What the task asks:
The answer is a stretch of the material below, returned exactly: the line containing "stair_1_placement = place(storey_placement, origin())", the line containing "frame((0.0, 0.0, 3.4001)))", and all lines between.

BEGIN Records for processing

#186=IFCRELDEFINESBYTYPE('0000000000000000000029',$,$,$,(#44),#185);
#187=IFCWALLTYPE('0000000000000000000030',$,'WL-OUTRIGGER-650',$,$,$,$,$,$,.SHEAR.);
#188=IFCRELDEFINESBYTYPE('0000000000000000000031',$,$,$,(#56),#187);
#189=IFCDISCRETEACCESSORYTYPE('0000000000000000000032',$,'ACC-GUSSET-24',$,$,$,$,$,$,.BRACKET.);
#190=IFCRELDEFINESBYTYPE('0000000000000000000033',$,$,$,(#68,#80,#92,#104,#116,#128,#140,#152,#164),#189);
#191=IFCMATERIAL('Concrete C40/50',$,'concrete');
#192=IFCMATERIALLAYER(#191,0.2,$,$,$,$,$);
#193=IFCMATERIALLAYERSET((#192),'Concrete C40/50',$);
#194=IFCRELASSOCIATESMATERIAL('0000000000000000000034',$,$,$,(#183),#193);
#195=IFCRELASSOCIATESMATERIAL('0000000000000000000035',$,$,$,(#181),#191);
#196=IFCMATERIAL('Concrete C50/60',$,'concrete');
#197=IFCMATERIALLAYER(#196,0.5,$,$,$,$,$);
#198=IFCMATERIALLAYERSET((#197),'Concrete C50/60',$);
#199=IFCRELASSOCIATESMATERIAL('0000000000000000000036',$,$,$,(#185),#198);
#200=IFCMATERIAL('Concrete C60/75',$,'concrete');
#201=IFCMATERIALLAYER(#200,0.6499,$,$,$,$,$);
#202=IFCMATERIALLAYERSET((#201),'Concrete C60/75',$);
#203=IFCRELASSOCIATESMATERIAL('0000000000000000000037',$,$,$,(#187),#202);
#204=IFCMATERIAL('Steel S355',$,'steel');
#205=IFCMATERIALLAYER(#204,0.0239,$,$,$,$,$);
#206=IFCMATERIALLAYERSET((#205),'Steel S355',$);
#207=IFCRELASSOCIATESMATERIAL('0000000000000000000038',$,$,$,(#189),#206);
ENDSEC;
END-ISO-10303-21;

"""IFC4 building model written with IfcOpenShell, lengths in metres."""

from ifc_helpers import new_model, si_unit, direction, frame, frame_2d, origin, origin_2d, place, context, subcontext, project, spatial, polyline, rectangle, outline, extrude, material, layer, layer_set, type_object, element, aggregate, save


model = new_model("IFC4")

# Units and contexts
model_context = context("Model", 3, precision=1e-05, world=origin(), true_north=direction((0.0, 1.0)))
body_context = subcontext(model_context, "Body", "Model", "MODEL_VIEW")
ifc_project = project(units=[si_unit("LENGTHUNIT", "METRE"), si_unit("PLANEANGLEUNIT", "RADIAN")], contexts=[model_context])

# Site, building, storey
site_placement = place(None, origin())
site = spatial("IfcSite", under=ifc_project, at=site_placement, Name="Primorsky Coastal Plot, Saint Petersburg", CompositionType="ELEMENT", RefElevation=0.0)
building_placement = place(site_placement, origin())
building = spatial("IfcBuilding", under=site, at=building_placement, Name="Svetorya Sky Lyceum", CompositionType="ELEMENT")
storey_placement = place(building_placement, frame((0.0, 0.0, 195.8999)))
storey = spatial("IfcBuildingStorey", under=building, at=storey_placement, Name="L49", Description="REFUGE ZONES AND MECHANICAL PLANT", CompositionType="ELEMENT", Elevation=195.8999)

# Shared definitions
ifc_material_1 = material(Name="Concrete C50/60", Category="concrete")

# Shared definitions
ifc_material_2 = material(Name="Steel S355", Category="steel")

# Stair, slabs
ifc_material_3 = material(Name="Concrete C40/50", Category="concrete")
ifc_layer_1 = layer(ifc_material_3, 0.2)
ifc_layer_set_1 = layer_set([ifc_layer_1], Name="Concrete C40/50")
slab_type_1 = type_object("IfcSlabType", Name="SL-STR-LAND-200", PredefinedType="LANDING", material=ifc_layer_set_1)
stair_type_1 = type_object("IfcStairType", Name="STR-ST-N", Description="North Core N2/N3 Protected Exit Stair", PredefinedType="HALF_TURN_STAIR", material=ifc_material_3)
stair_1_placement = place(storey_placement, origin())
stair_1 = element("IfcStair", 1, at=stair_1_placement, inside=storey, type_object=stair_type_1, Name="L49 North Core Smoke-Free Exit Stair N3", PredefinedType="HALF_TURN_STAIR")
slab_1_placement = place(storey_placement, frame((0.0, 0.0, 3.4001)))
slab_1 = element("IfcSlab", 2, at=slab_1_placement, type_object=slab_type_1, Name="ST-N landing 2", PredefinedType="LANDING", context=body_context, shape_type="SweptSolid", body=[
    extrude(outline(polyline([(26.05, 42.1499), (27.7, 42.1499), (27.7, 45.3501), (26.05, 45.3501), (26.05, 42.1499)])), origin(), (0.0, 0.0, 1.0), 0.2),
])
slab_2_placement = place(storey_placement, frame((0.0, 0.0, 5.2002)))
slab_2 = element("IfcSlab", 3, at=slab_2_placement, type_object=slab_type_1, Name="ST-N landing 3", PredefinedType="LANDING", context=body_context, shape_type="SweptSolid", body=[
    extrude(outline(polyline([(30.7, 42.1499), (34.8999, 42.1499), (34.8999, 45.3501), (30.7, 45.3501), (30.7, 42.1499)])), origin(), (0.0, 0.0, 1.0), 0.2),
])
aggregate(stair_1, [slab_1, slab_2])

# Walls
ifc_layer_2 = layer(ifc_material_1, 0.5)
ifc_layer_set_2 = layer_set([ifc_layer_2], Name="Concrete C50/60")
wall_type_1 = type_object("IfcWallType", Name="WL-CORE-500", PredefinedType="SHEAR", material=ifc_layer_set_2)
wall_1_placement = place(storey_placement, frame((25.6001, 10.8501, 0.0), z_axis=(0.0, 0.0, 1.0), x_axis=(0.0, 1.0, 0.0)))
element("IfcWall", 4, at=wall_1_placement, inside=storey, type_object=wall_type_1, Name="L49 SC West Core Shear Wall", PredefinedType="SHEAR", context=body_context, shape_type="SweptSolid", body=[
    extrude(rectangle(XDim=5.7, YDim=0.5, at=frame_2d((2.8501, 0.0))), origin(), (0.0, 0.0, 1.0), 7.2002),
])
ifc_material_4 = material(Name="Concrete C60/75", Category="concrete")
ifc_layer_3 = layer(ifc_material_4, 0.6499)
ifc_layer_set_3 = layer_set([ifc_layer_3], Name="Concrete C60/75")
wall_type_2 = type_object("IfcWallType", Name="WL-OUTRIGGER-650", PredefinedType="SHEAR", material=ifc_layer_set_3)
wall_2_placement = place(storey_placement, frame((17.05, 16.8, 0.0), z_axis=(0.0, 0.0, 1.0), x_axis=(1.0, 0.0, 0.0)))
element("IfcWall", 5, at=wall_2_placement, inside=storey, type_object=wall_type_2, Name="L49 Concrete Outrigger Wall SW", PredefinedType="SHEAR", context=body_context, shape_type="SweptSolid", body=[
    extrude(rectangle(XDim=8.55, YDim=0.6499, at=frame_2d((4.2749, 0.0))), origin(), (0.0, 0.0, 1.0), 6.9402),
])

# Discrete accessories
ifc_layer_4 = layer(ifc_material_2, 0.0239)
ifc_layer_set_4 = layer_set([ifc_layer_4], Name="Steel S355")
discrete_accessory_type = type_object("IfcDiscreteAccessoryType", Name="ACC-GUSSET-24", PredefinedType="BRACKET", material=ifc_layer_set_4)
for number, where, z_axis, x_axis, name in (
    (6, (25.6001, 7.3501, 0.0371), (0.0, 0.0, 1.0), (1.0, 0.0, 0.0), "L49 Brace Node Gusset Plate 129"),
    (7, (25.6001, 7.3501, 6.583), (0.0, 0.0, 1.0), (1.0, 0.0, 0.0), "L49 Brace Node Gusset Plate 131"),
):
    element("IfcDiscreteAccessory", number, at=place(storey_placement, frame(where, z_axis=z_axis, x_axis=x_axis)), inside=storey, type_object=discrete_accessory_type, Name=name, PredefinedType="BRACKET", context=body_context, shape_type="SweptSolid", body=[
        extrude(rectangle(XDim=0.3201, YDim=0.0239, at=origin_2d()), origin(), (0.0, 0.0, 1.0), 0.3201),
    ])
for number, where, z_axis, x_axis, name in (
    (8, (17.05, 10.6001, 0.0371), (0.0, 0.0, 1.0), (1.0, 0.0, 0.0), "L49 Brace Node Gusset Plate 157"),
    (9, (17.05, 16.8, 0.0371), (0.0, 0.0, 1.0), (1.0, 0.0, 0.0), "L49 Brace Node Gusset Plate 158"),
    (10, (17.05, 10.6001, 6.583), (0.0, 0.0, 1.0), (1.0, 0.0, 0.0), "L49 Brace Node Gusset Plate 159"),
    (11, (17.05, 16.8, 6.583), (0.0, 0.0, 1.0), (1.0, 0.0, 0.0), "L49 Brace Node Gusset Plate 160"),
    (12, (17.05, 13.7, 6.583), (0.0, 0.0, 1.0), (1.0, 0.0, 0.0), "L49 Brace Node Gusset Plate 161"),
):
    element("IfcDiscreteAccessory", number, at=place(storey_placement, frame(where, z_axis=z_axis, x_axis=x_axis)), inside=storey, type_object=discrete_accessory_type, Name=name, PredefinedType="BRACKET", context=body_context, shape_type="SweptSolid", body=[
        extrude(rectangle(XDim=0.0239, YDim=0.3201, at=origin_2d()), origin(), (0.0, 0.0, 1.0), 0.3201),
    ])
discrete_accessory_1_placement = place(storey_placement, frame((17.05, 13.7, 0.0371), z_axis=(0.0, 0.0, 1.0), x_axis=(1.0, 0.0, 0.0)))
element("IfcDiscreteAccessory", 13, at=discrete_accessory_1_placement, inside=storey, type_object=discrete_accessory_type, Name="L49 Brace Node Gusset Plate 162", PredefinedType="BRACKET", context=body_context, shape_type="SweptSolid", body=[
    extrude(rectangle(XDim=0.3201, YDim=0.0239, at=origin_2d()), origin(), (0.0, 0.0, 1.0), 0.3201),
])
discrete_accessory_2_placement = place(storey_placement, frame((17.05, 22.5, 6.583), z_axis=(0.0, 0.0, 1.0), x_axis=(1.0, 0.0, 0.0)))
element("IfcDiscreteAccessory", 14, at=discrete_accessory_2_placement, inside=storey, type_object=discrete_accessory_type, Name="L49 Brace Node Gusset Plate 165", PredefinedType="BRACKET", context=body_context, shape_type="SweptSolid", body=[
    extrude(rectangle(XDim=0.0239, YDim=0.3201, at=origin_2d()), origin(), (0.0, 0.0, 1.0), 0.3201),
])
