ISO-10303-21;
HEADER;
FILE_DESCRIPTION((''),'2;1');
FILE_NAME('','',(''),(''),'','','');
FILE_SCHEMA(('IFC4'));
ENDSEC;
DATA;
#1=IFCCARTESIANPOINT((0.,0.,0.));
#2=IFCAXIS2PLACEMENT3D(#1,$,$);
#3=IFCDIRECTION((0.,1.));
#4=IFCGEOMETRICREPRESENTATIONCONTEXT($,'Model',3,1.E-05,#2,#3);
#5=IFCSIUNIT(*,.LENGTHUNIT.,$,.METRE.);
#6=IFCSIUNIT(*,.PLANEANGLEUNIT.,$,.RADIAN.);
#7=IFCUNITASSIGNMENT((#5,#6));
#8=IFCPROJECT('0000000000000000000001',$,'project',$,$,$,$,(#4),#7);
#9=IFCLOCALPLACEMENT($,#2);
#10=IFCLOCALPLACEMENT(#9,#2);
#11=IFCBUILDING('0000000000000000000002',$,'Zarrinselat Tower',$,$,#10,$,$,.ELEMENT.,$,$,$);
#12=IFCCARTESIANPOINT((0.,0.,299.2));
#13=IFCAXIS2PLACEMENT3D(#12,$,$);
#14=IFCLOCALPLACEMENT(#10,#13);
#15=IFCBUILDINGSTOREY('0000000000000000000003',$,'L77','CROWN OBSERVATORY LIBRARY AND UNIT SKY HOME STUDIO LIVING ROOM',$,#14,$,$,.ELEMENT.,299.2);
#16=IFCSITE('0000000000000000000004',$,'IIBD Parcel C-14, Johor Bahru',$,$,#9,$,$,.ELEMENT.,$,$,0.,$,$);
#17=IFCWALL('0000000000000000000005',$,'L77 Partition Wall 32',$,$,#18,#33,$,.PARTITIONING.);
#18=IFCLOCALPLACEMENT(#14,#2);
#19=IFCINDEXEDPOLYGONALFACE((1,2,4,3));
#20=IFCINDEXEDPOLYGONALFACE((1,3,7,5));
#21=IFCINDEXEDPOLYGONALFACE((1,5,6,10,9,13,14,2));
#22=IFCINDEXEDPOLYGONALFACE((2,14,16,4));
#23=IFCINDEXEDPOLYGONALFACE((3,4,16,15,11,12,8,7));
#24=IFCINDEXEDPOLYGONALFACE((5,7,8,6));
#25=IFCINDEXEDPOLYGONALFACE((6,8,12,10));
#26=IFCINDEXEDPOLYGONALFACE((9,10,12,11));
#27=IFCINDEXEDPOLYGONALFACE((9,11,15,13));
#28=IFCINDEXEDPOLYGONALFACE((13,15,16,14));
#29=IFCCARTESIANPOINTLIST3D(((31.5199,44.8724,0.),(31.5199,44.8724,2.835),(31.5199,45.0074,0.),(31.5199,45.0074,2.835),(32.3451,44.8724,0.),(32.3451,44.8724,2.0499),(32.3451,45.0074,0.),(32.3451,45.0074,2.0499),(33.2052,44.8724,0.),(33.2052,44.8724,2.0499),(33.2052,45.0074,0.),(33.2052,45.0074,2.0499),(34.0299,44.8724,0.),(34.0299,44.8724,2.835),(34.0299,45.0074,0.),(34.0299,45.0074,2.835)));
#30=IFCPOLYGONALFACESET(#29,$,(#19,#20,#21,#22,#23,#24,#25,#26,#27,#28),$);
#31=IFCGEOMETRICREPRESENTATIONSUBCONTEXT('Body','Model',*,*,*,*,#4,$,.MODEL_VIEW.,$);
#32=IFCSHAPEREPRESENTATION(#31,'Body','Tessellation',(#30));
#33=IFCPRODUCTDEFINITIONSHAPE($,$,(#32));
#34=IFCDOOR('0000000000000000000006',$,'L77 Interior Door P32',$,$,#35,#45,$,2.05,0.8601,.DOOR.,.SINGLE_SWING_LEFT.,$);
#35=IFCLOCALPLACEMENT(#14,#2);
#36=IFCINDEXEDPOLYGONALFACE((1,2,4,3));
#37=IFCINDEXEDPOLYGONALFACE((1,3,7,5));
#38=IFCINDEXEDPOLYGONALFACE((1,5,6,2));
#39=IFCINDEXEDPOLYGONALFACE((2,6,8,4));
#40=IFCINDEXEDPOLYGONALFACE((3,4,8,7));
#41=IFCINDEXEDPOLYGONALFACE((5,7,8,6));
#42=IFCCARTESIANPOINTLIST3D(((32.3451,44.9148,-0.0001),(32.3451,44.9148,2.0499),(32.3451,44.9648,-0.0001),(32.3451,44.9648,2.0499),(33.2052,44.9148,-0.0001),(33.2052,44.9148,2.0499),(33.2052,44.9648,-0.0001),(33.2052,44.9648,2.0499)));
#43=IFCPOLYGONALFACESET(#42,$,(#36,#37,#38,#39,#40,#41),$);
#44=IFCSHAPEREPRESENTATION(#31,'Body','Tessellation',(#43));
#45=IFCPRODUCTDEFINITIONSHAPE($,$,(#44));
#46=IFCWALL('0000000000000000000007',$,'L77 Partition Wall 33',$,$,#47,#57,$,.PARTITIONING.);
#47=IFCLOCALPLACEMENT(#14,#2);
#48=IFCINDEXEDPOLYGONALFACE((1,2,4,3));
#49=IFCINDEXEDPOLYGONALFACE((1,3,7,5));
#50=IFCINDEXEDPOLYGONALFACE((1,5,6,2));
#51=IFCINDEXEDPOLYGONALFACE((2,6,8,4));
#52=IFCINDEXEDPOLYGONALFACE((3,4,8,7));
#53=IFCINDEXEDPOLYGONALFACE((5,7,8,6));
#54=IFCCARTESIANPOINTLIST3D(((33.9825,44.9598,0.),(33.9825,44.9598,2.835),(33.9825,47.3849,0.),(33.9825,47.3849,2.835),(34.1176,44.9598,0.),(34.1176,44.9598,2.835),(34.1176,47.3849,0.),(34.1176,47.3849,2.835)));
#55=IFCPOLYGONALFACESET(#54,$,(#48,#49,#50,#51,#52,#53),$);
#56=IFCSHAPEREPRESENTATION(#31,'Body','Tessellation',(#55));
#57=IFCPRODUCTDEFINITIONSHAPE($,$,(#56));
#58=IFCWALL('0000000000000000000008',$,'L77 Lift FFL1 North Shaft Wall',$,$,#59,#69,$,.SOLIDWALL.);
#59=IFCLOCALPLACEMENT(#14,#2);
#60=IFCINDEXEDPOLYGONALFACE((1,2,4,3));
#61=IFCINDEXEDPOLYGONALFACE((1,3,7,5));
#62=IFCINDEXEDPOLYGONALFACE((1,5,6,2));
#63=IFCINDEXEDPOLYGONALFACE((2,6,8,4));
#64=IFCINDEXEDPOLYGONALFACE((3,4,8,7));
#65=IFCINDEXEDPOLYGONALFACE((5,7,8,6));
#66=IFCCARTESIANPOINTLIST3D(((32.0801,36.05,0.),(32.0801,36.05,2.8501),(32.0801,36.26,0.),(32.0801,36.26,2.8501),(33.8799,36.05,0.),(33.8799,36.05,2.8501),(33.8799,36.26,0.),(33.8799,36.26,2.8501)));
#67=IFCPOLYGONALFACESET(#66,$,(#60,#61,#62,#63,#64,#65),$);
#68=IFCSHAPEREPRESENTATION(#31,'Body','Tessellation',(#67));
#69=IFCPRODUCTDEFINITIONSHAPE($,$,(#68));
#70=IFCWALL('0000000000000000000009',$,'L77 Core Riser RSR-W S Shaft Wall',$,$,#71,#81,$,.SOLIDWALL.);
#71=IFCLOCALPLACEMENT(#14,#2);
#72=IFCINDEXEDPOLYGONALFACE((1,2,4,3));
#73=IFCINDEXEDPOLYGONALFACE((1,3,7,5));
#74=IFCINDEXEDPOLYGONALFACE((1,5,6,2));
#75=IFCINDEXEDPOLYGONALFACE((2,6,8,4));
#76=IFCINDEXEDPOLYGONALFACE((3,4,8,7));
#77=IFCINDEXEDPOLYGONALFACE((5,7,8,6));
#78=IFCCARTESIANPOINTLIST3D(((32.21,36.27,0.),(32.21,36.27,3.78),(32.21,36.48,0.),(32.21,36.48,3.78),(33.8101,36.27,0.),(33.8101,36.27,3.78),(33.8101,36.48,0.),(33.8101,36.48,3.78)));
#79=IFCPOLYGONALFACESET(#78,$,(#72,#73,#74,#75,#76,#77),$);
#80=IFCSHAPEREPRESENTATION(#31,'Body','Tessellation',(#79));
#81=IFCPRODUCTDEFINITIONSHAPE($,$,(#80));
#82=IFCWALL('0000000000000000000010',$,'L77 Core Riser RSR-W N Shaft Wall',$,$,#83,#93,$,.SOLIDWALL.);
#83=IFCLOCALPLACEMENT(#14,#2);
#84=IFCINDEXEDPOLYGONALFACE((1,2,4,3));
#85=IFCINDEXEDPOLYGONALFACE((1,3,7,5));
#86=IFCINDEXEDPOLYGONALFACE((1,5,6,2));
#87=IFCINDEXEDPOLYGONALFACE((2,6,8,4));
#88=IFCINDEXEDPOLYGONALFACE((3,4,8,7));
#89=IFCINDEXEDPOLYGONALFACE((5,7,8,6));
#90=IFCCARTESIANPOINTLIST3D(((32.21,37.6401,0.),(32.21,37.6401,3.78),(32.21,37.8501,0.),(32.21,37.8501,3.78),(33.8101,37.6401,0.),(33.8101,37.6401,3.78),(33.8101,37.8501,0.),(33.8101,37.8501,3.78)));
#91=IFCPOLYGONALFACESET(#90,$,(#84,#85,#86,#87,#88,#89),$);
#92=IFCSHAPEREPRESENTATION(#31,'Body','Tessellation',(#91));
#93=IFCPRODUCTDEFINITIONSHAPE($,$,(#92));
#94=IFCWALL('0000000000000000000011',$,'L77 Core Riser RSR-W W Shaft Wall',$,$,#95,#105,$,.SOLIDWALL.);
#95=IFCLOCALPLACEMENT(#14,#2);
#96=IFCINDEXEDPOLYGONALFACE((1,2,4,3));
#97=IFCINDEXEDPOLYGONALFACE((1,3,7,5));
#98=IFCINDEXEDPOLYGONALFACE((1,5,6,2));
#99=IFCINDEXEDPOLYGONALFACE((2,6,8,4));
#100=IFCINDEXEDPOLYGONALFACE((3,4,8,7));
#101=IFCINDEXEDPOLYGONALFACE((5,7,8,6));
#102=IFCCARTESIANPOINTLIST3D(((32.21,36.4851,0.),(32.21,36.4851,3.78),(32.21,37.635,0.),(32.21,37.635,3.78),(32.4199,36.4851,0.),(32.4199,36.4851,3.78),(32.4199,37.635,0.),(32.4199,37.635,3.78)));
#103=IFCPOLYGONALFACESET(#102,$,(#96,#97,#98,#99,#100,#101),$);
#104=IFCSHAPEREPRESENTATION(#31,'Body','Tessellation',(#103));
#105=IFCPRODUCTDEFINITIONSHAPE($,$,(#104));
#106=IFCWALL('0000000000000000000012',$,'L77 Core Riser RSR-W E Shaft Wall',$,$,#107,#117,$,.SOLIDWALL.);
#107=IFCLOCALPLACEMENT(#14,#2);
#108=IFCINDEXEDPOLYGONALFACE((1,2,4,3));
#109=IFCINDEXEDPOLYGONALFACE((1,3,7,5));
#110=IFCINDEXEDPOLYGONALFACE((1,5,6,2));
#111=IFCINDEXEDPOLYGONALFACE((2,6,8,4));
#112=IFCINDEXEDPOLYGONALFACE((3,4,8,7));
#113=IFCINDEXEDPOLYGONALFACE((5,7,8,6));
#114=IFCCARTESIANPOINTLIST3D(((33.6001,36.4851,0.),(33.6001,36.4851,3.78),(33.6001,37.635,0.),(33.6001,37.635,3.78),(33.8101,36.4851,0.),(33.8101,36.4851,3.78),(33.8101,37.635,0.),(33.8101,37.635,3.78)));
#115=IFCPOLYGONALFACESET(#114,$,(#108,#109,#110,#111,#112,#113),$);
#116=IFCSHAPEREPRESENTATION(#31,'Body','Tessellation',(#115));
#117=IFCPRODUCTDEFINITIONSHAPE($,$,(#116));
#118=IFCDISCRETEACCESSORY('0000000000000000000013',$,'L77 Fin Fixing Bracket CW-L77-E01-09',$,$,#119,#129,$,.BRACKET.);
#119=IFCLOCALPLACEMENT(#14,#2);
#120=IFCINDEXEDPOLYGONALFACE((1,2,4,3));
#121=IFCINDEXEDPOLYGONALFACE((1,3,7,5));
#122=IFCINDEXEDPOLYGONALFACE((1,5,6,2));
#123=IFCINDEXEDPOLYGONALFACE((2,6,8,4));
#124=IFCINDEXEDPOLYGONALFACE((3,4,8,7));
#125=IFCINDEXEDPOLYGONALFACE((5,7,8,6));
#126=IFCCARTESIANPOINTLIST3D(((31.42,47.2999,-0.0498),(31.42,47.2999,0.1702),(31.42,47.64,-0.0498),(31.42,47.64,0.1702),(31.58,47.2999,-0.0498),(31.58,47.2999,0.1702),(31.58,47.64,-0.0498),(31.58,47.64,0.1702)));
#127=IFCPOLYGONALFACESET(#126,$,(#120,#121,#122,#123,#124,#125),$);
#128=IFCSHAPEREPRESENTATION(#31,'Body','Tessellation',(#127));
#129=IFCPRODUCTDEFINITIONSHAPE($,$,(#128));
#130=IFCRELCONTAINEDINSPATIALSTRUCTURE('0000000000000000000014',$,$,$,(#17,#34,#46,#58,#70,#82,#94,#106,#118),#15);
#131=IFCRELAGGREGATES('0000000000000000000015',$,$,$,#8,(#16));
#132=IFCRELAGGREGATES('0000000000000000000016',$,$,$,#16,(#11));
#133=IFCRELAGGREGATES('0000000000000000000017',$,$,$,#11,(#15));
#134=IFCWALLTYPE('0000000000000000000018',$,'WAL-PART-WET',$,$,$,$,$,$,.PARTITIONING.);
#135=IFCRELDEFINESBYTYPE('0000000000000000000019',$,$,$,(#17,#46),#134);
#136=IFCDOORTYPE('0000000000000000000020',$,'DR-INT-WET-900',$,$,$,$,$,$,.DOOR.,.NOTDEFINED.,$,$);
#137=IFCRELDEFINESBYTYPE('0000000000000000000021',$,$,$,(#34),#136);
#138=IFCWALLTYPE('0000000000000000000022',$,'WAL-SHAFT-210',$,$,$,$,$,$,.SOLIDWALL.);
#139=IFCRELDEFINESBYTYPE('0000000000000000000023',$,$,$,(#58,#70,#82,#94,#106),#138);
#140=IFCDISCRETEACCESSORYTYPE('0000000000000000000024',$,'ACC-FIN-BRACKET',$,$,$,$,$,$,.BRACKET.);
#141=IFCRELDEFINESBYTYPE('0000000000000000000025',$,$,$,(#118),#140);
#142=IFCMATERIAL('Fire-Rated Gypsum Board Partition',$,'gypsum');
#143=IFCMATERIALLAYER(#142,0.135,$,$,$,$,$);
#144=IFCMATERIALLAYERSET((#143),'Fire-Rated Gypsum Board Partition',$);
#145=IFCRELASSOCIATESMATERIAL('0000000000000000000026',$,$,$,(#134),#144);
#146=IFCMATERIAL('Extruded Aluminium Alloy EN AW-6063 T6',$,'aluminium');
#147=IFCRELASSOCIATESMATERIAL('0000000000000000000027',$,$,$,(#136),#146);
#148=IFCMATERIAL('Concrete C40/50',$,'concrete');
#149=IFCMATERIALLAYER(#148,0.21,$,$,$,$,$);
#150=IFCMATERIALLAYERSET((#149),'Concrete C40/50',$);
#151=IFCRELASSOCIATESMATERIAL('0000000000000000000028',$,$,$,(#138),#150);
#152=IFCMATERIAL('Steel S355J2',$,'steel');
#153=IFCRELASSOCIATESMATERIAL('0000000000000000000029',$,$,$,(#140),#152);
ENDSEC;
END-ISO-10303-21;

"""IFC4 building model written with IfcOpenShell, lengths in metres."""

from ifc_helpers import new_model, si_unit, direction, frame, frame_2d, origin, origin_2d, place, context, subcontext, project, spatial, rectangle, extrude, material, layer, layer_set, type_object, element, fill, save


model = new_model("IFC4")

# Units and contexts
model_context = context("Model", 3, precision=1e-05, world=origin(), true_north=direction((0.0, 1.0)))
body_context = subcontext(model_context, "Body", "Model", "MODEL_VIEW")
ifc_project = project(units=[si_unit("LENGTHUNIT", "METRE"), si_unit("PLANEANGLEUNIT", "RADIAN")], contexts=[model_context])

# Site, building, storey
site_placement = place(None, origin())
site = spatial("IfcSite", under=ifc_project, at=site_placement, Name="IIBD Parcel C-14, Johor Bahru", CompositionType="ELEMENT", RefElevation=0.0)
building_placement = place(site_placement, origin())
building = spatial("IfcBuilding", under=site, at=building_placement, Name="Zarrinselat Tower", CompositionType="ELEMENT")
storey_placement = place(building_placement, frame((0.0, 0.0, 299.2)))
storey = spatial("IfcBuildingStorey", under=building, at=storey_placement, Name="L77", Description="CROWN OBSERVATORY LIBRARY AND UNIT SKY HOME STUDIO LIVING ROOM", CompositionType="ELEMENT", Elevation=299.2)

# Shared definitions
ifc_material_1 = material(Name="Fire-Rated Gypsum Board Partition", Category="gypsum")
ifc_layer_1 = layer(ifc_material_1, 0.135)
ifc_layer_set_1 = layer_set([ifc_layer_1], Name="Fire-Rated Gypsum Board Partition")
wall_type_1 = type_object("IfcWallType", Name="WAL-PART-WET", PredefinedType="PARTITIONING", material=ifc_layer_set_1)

END Records for processing

Result:
stair_1_placement = place(storey_placement, origin())
stair_1 = element("IfcStair", 1, at=stair_1_placement, inside=storey, type_object=stair_type_1, Name="L49 North Core Smoke-Free Exit Stair N3", PredefinedType="HALF_TURN_STAIR")
slab_1_placement = place(storey_placement, frame((0.0, 0.0, 3.4001)))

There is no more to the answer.